Problem: Report back each line of the records that contains the string "number".

Data for review:
*** Begin section ***
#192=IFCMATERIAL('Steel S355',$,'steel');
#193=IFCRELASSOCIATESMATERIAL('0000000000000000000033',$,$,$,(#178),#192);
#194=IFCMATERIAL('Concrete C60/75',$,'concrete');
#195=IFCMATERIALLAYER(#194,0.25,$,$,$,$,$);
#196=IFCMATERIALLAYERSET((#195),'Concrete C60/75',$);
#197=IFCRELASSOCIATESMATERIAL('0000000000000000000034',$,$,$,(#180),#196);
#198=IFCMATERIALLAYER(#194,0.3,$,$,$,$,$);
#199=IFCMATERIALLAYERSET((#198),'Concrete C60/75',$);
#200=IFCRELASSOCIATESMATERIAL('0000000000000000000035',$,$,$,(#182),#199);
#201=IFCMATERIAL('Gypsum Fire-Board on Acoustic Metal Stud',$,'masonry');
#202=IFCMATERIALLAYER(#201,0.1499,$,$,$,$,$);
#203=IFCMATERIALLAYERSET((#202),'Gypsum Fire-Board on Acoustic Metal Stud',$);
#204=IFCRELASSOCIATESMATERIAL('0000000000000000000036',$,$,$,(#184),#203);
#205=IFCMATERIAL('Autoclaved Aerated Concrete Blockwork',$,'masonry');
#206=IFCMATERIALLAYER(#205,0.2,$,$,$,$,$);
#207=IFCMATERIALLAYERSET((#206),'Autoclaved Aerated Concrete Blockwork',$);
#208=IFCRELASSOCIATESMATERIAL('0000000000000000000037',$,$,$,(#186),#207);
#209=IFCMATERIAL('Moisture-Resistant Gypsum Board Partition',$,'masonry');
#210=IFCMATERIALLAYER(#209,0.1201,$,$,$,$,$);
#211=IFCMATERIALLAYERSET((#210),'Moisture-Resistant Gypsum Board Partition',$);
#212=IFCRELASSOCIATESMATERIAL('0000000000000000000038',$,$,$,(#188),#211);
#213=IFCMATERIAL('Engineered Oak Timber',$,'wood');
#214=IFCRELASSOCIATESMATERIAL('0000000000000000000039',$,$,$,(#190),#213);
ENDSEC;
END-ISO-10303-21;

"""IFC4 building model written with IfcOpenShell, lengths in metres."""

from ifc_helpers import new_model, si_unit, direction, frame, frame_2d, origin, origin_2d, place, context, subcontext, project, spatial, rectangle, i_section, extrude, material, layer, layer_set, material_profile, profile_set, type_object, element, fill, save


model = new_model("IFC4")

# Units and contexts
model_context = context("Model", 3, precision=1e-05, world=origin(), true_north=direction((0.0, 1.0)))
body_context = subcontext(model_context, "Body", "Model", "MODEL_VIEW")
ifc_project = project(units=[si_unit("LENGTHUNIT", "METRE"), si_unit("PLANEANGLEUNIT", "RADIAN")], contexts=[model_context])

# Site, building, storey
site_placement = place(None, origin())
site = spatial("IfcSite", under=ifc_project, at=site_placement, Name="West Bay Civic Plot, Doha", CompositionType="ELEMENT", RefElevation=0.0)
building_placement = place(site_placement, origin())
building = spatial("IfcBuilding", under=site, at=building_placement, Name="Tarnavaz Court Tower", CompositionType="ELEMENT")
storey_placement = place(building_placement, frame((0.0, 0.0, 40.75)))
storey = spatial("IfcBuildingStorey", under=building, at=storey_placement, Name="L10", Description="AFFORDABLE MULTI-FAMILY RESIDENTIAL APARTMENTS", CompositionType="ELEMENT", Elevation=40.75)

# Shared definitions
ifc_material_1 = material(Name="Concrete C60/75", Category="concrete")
*** End section ***
*** Begin section ***
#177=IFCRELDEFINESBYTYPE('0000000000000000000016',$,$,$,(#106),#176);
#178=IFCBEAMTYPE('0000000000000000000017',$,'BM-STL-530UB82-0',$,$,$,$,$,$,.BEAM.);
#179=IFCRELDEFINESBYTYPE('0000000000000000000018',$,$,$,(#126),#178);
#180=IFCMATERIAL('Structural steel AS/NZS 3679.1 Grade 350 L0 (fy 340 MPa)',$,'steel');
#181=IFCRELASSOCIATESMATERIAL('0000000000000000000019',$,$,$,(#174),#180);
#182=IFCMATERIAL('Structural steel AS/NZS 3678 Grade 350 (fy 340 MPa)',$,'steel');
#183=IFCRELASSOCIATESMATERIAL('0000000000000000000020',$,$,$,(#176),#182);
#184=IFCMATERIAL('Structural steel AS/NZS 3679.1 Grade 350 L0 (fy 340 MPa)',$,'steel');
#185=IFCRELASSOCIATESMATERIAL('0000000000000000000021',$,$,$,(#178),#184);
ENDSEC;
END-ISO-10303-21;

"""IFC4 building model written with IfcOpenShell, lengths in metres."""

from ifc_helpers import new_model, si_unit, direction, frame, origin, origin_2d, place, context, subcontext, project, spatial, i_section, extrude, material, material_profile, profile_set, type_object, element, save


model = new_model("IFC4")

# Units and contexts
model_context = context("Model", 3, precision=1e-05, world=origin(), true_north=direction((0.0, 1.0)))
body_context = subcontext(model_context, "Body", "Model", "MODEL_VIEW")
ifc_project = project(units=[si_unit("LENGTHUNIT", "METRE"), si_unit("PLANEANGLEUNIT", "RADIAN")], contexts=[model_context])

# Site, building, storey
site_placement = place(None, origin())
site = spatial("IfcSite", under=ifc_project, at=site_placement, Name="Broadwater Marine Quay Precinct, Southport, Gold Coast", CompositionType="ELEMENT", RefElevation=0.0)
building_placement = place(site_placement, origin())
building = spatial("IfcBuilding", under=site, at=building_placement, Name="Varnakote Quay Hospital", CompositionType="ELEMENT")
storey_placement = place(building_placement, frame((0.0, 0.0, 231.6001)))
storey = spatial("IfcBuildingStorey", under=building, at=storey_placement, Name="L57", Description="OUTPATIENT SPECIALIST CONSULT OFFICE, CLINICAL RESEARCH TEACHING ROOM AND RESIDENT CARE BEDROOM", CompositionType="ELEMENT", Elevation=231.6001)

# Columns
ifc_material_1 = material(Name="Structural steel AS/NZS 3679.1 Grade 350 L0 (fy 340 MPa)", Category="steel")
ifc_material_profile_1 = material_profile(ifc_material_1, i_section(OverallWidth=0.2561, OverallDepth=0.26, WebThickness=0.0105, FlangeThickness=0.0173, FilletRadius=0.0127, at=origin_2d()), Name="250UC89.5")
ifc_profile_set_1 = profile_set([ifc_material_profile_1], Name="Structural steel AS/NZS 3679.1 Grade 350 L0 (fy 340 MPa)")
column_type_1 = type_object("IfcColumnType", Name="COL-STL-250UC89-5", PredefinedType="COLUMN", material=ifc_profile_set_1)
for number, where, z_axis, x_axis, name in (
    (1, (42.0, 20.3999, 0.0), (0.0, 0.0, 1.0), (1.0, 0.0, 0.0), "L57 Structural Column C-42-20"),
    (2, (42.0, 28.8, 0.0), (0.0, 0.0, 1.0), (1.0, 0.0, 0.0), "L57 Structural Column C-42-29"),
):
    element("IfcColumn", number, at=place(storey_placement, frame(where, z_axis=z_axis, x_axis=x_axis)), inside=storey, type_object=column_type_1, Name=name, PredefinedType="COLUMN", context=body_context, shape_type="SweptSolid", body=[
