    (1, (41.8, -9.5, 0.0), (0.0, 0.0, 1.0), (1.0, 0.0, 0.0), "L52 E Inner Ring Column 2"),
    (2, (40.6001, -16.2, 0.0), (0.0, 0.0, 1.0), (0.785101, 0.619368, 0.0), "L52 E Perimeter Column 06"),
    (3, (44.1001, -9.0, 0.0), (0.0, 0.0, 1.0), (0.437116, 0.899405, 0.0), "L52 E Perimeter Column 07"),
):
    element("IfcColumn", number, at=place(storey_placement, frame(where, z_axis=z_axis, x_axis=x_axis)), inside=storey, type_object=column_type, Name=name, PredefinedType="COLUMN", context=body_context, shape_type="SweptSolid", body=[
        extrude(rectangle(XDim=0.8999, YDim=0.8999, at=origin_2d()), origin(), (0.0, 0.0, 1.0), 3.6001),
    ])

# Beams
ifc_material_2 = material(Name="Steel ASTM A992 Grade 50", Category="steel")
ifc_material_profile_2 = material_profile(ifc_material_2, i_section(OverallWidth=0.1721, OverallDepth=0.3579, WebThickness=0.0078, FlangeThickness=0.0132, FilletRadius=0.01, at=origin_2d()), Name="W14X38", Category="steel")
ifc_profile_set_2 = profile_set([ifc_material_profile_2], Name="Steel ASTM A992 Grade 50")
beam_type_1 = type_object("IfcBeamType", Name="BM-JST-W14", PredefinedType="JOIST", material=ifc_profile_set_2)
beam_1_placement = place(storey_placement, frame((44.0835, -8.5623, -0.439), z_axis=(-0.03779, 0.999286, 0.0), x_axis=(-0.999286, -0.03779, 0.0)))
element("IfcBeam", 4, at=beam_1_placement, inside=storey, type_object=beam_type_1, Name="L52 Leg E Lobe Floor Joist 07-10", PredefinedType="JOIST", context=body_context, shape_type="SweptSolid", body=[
*** End section ***
Answer space:
for number, where, z_axis, x_axis, name in (
    element("IfcColumn", number, at=place(storey_placement, frame(where, z_axis=z_axis, x_axis=x_axis)), inside=storey, type_object=column_type_1, Name=name, PredefinedType="COLUMN", context=body_context, shape_type="SweptSolid", body=[
    element("IfcColumn", number, at=place(storey_placement, frame(where, z_axis=z_axis, x_axis=x_axis)), inside=storey, type_object=column_type, Name=name, PredefinedType="COLUMN", context=body_context, shape_type="SweptSolid", body=[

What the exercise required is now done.